ENTRIES PROVIDED
══════════════════════════════

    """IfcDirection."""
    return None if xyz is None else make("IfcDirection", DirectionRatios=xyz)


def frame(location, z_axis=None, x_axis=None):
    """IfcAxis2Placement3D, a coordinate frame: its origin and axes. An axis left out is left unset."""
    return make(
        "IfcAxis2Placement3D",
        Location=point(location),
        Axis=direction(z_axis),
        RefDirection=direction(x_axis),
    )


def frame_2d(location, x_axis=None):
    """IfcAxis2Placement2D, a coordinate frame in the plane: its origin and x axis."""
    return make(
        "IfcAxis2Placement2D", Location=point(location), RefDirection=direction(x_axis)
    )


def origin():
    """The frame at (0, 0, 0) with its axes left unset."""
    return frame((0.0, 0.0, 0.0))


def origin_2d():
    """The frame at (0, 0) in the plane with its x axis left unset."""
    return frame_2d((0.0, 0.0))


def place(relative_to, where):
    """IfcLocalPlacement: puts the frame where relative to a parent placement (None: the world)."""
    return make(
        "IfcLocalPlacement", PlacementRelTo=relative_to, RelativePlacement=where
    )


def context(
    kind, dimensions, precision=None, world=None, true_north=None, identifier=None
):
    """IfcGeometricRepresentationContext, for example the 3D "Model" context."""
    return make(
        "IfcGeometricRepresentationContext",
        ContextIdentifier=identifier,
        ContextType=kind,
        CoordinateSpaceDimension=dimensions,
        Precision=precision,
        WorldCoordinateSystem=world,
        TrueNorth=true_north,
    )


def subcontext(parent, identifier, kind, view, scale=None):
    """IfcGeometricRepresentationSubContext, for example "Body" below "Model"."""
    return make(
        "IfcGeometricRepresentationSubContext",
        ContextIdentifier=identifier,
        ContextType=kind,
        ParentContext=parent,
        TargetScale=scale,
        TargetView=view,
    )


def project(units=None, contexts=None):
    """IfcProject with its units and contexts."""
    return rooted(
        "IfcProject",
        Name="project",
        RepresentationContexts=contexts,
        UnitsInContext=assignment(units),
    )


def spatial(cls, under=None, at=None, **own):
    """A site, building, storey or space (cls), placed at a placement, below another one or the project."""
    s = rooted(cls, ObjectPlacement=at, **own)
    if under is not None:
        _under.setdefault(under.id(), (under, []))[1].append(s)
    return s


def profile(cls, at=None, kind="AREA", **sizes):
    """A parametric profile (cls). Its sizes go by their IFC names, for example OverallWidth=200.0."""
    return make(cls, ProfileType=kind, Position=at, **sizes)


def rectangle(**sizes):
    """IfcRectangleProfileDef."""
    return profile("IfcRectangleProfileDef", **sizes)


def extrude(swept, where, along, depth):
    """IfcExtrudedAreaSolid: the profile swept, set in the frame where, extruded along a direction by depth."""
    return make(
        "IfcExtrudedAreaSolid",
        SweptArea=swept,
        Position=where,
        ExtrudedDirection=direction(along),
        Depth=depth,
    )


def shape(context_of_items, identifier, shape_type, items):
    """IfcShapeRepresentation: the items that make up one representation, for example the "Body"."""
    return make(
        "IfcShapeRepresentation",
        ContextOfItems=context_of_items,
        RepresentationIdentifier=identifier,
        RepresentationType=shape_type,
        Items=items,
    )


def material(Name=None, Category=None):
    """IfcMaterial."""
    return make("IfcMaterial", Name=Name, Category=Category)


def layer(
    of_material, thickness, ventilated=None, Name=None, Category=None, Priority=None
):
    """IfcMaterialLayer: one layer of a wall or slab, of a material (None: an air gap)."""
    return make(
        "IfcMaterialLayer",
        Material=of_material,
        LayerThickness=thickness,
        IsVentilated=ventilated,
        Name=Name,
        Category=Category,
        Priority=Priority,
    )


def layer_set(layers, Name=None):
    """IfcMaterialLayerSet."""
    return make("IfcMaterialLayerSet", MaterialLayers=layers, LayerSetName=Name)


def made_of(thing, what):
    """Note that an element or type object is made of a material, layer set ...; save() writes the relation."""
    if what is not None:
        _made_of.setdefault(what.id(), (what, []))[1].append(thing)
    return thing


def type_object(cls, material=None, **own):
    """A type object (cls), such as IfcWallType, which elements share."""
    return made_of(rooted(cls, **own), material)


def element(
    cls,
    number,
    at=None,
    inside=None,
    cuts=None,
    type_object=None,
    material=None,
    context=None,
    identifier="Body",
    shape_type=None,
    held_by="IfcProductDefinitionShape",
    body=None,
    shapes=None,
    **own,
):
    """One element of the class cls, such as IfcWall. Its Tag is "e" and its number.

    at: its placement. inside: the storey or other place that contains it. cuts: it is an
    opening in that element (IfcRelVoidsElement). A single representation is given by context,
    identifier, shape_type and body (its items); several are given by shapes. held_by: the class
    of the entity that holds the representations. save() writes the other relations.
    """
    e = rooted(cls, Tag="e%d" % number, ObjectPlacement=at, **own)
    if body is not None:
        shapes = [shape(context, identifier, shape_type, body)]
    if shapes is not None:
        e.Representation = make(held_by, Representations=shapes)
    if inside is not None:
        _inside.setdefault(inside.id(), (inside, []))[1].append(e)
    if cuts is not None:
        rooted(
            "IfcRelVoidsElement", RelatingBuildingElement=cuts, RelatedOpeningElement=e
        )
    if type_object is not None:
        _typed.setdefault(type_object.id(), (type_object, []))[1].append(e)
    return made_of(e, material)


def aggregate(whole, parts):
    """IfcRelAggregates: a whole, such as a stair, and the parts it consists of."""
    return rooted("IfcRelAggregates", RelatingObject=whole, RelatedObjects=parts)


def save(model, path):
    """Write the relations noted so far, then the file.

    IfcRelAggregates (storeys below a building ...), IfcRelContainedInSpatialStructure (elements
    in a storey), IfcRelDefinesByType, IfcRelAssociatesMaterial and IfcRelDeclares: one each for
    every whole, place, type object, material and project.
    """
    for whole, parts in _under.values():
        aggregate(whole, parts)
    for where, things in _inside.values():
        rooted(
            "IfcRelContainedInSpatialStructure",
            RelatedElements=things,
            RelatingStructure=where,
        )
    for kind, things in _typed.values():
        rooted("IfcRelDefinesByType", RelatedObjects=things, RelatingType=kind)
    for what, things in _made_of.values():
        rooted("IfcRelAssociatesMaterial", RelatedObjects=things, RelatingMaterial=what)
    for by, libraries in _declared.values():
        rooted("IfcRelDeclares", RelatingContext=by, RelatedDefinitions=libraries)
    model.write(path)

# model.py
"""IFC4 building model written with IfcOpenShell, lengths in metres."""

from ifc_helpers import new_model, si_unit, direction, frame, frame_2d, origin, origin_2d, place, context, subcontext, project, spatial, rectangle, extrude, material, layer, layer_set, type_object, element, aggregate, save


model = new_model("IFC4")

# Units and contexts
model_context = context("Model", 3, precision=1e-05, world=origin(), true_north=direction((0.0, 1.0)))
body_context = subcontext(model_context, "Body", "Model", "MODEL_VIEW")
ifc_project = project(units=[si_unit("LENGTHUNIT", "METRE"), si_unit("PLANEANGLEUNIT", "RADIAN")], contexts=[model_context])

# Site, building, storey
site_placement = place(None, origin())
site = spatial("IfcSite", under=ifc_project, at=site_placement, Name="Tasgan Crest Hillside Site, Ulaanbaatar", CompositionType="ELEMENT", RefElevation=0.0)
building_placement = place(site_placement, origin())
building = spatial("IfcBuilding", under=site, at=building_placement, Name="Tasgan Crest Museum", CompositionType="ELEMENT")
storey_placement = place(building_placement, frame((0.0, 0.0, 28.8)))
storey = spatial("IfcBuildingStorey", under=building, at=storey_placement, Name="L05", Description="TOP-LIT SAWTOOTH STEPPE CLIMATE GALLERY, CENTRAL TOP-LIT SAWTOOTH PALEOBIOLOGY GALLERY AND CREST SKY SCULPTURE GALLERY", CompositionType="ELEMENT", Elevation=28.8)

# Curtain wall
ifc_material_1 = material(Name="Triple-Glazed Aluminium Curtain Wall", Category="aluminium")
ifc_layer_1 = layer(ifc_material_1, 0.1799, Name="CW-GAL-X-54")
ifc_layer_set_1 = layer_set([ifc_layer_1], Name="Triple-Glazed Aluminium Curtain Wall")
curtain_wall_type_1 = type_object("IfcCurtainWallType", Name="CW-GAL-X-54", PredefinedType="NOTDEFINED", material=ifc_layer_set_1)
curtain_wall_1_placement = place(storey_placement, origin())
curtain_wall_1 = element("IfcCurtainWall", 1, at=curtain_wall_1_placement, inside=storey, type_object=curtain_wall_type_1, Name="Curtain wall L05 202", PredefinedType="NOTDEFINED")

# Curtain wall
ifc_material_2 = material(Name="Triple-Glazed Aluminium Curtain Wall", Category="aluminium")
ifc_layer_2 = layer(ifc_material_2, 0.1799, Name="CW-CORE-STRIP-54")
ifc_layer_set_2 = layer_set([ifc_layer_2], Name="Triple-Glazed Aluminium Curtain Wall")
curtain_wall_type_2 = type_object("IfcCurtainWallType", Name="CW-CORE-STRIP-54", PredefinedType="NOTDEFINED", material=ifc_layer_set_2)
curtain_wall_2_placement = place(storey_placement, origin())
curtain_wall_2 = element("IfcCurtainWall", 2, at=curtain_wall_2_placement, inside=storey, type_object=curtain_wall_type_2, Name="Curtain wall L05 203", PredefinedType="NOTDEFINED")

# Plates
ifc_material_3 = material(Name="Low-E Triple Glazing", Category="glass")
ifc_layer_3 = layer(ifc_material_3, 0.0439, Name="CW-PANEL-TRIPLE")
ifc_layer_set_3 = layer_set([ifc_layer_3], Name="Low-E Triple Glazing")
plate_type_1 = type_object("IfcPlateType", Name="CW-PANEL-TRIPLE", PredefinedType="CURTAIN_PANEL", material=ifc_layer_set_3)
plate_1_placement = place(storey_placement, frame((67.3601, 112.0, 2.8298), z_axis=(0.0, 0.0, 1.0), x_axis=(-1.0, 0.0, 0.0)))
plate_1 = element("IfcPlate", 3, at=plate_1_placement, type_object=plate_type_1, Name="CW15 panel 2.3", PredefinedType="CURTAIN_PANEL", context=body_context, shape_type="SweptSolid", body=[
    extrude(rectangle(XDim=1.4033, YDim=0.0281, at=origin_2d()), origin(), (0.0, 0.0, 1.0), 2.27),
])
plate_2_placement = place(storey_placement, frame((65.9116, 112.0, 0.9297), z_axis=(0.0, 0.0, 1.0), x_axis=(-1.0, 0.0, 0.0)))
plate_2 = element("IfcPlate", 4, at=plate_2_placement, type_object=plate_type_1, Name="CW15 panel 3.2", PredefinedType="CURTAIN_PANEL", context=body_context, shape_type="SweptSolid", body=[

══════════════════════════════

WHAT THE TASK ASKS
Reproduce the lines above, beginning at the line with "building_placement = place(site_placement, origin())" and stopping after the line with "frame((0.0, 0.0, 28.8)))", exactly as they are.

EXERCISE OUTPUT
building_placement = place(site_placement, origin())
building = spatial("IfcBuilding", under=site, at=building_placement, Name="Tasgan Crest Museum", CompositionType="ELEMENT")
storey_placement = place(building_placement, frame((0.0, 0.0, 28.8)))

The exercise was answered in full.